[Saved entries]

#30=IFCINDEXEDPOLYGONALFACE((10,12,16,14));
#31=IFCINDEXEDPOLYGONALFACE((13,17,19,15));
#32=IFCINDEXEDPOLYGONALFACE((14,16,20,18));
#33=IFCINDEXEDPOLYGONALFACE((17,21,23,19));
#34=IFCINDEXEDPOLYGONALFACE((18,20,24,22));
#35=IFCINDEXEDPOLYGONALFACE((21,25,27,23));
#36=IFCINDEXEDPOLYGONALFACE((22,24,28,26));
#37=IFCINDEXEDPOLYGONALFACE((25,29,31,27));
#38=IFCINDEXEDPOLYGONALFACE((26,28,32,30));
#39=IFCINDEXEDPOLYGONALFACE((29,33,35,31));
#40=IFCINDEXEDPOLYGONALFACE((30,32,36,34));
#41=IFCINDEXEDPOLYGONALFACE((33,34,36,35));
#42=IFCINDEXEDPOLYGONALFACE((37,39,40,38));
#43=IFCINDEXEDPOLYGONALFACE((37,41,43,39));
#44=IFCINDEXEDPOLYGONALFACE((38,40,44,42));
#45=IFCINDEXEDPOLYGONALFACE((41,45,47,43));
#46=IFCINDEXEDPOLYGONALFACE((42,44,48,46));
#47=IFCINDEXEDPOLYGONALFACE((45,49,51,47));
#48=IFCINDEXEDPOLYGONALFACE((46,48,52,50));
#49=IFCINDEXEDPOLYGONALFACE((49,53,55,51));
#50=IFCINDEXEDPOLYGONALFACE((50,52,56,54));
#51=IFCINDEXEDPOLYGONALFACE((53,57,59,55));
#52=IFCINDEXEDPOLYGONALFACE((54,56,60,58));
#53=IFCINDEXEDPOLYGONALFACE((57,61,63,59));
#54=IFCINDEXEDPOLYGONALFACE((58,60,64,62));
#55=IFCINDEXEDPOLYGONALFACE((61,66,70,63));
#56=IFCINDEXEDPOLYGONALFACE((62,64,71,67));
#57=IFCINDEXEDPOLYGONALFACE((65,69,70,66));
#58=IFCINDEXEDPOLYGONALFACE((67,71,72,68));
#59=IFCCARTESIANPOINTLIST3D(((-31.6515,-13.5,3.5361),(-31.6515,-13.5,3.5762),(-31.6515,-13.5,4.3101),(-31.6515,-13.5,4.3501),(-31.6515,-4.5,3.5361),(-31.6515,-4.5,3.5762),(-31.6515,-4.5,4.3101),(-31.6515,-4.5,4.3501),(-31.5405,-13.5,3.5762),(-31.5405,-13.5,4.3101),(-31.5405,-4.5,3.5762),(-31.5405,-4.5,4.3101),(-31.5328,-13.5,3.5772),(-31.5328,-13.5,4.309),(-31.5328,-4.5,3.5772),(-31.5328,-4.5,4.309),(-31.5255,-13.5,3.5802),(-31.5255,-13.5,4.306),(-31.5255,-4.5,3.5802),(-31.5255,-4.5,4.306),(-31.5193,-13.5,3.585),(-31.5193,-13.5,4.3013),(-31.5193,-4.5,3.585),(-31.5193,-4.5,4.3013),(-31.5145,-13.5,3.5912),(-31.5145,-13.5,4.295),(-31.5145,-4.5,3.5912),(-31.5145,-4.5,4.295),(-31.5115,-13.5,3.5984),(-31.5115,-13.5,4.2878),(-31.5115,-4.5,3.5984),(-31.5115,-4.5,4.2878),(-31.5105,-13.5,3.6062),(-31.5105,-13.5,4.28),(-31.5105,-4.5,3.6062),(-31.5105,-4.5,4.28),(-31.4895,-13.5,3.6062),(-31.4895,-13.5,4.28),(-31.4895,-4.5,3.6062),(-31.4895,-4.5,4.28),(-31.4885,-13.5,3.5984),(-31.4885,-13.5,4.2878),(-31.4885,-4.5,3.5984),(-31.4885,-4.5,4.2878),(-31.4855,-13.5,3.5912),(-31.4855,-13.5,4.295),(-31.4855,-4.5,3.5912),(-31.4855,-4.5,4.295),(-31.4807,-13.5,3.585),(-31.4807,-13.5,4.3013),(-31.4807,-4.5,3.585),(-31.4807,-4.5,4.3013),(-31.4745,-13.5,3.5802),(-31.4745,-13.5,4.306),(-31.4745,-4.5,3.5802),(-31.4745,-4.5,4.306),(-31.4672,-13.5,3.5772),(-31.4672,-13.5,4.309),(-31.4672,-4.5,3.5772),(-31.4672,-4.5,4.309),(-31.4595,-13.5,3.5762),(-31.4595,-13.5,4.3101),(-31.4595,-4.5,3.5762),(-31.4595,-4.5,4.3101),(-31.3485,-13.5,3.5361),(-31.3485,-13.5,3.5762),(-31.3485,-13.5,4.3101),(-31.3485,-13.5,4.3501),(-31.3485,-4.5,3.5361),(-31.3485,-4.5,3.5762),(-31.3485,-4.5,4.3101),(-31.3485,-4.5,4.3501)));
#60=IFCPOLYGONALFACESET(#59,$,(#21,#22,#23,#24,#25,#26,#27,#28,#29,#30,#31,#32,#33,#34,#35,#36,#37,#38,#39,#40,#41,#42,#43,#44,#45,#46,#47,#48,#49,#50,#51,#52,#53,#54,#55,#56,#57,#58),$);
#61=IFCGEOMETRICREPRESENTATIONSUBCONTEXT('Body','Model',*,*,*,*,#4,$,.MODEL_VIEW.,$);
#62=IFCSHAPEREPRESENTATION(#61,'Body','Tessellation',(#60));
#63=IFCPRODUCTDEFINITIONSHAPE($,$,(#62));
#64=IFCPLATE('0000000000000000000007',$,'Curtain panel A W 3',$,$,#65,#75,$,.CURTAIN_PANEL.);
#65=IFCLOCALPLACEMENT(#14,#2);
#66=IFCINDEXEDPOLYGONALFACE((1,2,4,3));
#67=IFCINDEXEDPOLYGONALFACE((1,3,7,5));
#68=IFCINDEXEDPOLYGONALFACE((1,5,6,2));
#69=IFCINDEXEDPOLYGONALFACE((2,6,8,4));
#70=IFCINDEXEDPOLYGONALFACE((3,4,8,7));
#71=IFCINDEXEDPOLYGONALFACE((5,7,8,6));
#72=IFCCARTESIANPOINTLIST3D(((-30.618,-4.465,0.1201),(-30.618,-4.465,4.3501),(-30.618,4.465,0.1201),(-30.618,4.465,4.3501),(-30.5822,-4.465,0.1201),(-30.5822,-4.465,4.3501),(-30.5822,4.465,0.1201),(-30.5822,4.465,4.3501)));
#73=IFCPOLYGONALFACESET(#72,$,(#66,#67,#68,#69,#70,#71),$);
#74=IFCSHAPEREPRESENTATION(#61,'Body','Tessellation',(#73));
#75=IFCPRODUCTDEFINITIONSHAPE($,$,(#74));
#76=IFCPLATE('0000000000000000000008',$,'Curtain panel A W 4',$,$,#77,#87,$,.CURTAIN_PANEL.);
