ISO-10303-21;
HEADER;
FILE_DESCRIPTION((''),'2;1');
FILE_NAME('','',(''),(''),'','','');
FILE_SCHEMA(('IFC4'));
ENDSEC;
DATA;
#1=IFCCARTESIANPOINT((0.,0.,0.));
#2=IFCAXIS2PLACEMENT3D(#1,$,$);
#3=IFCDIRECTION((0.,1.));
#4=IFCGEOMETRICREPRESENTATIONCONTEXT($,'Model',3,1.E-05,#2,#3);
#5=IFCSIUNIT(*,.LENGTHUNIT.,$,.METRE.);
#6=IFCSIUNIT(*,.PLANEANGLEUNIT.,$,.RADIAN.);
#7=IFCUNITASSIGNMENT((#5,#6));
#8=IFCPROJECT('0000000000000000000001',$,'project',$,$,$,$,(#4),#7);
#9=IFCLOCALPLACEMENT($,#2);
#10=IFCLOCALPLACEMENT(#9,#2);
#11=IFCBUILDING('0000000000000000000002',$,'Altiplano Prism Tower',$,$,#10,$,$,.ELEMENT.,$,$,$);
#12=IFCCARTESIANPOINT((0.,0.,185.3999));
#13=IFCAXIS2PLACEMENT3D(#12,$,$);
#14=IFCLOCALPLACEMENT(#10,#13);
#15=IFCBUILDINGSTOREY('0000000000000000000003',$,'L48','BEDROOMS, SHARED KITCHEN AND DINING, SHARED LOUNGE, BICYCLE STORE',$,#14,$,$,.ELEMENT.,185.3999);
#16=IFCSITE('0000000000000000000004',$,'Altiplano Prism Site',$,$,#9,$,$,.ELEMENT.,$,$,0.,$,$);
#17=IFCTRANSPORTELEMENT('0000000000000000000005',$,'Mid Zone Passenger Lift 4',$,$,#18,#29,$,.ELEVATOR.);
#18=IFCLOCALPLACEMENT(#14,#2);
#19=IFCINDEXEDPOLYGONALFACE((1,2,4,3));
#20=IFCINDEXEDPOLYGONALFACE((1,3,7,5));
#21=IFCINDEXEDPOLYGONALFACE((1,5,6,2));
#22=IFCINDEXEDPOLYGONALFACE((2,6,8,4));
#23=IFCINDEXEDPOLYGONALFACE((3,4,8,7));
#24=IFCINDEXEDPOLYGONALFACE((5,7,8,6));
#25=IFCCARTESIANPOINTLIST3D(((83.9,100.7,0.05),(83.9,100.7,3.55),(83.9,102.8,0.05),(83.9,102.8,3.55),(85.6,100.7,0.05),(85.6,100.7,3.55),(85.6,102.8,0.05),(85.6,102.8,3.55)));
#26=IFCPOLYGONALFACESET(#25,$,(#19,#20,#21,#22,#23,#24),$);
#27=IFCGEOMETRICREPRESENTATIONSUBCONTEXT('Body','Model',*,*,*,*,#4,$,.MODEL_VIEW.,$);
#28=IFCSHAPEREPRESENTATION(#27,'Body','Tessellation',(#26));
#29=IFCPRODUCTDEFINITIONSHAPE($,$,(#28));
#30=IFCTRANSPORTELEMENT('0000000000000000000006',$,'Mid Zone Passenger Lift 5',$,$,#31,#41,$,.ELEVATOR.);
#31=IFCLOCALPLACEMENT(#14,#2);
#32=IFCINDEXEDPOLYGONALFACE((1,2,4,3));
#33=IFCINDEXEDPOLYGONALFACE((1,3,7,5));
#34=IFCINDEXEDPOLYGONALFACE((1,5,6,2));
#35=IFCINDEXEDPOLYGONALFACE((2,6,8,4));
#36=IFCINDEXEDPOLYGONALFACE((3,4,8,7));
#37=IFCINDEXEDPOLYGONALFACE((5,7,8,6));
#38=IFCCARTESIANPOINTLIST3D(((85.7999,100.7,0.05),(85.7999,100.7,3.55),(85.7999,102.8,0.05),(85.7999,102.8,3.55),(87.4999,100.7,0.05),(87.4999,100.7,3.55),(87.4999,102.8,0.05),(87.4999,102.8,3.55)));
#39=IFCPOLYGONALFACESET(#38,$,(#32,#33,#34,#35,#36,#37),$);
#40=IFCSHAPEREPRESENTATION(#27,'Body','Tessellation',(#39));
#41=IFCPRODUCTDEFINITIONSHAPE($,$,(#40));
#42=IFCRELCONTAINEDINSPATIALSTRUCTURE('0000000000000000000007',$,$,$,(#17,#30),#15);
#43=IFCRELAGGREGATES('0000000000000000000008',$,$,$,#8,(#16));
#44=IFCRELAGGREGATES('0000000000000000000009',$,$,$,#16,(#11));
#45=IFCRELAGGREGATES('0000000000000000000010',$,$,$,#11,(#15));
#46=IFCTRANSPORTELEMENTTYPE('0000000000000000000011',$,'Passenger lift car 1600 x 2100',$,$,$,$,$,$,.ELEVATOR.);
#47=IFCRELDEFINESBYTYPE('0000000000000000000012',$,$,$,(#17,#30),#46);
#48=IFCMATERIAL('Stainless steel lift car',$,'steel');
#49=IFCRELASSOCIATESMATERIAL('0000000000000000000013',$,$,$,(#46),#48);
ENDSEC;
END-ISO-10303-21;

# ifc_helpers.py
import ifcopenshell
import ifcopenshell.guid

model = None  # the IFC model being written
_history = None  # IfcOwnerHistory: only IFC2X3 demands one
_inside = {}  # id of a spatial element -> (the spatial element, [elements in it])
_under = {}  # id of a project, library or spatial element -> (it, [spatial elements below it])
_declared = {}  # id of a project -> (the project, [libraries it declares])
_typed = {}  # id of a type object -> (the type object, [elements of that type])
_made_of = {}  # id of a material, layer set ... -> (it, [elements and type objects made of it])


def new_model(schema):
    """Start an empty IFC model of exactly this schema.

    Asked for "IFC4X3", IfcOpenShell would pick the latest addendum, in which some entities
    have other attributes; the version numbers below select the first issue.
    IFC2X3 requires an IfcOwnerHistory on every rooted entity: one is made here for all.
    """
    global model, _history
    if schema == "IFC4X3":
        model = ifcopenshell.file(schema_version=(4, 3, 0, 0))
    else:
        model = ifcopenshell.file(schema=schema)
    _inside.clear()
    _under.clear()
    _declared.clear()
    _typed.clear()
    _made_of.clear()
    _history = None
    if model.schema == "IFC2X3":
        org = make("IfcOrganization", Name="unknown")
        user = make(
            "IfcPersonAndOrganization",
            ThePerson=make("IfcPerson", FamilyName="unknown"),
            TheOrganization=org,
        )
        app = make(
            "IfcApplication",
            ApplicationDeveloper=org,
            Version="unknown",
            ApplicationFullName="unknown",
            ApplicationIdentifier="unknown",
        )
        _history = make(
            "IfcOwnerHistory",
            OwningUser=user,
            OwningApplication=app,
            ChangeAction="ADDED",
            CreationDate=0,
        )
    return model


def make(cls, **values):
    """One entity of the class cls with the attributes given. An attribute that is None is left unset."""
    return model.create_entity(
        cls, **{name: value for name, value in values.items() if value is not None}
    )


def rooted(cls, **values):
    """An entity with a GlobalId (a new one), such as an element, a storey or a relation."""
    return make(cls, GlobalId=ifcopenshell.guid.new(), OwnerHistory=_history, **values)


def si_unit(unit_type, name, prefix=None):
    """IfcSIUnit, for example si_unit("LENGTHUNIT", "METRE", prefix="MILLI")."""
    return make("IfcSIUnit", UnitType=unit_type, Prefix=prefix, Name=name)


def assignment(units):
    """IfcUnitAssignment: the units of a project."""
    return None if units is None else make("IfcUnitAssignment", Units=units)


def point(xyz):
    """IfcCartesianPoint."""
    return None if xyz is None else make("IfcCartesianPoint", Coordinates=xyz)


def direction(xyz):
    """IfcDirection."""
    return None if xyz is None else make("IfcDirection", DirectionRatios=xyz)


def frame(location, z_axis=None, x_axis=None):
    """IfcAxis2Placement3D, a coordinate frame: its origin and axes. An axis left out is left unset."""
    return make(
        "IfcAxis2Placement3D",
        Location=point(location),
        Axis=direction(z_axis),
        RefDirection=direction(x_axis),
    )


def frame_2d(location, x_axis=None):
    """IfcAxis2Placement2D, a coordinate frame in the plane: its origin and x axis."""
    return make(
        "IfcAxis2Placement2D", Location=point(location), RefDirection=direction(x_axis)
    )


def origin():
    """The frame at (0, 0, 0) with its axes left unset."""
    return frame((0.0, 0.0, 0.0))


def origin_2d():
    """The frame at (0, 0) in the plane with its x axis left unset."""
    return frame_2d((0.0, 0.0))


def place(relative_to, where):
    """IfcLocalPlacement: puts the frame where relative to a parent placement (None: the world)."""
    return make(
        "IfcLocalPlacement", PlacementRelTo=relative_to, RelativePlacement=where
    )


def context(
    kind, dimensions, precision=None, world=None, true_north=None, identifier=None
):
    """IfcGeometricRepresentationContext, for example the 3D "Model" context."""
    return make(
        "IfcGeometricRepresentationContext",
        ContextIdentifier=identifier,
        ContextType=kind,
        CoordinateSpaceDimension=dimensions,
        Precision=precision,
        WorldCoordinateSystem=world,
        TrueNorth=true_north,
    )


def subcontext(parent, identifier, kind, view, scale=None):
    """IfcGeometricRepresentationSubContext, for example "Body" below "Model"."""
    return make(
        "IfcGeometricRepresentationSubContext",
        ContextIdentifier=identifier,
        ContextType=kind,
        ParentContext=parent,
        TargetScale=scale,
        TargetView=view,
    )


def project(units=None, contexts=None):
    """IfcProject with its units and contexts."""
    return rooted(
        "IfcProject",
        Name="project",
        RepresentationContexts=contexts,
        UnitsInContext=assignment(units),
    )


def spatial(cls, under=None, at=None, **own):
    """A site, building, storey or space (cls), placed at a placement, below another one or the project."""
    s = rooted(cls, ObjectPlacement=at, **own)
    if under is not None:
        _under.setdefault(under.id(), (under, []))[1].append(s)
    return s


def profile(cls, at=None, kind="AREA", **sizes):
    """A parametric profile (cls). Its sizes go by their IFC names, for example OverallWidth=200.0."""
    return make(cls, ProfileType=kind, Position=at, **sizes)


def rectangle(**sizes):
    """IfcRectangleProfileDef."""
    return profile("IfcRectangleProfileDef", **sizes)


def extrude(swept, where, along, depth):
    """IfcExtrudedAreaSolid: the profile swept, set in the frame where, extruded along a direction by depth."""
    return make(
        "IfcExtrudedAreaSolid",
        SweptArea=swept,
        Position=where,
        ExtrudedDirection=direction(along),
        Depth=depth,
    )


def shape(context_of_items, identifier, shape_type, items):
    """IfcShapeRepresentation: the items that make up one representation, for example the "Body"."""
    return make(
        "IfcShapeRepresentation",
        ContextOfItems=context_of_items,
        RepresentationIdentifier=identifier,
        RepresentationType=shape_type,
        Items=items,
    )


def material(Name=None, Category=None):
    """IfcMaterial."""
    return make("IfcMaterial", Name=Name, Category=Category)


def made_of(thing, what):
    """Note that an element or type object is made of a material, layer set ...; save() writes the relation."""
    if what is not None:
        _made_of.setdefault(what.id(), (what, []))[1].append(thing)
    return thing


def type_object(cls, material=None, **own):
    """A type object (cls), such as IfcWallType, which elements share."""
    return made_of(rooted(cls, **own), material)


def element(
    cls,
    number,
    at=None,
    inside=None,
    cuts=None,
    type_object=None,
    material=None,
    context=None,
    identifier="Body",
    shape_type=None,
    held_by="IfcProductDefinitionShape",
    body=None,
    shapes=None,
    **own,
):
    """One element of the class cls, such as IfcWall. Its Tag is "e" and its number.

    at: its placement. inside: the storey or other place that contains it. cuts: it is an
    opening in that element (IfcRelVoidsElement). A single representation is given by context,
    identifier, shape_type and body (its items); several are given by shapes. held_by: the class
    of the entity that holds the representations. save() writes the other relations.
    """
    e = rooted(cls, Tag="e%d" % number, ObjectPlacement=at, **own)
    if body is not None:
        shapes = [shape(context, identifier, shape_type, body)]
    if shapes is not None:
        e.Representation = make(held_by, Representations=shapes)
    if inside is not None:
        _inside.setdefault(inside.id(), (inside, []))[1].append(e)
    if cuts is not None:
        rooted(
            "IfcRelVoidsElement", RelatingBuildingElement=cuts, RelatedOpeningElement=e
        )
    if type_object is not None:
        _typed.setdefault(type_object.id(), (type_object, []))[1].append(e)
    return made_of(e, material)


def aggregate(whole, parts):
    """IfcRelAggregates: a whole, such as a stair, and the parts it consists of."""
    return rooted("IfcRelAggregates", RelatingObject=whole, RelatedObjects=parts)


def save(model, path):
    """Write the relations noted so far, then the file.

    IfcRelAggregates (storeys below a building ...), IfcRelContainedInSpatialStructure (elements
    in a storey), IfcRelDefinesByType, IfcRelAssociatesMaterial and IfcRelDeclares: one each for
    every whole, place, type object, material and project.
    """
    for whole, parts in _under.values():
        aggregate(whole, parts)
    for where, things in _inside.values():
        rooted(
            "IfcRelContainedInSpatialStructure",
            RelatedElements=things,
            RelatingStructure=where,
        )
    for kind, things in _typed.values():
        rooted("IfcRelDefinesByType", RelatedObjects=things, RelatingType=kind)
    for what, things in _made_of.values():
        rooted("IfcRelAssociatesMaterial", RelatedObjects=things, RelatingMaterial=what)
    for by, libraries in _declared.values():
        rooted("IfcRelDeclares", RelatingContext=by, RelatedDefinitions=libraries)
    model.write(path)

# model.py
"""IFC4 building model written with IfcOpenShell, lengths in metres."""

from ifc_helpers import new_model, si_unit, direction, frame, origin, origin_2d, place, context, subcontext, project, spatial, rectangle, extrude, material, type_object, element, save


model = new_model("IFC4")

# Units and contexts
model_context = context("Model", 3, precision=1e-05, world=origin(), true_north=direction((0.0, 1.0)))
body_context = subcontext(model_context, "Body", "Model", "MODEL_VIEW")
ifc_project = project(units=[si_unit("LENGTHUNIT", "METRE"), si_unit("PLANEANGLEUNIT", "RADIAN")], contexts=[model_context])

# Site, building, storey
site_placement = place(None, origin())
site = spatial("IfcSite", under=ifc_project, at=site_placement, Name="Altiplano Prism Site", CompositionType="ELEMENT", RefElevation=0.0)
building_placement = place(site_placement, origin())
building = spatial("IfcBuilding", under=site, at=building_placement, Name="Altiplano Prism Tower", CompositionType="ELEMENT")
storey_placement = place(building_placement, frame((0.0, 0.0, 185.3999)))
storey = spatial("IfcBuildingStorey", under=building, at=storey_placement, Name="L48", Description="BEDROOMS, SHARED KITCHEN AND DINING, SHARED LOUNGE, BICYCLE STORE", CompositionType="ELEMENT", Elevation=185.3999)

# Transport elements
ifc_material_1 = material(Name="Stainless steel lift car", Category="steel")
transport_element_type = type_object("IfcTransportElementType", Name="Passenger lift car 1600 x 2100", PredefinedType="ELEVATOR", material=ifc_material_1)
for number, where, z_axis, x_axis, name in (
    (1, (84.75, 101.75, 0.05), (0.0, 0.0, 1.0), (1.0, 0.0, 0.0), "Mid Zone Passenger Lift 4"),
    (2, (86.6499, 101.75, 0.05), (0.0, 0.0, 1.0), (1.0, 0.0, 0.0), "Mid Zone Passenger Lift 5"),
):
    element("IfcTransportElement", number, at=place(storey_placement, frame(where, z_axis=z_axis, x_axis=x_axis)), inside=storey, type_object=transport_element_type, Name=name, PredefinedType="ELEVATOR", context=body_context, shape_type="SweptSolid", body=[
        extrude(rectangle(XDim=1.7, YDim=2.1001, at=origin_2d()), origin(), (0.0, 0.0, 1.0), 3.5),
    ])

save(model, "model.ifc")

■ **Directions for this task**: A single number, please: how many lines in the data above contain the string "guid"?

■ **Exercise result**: 2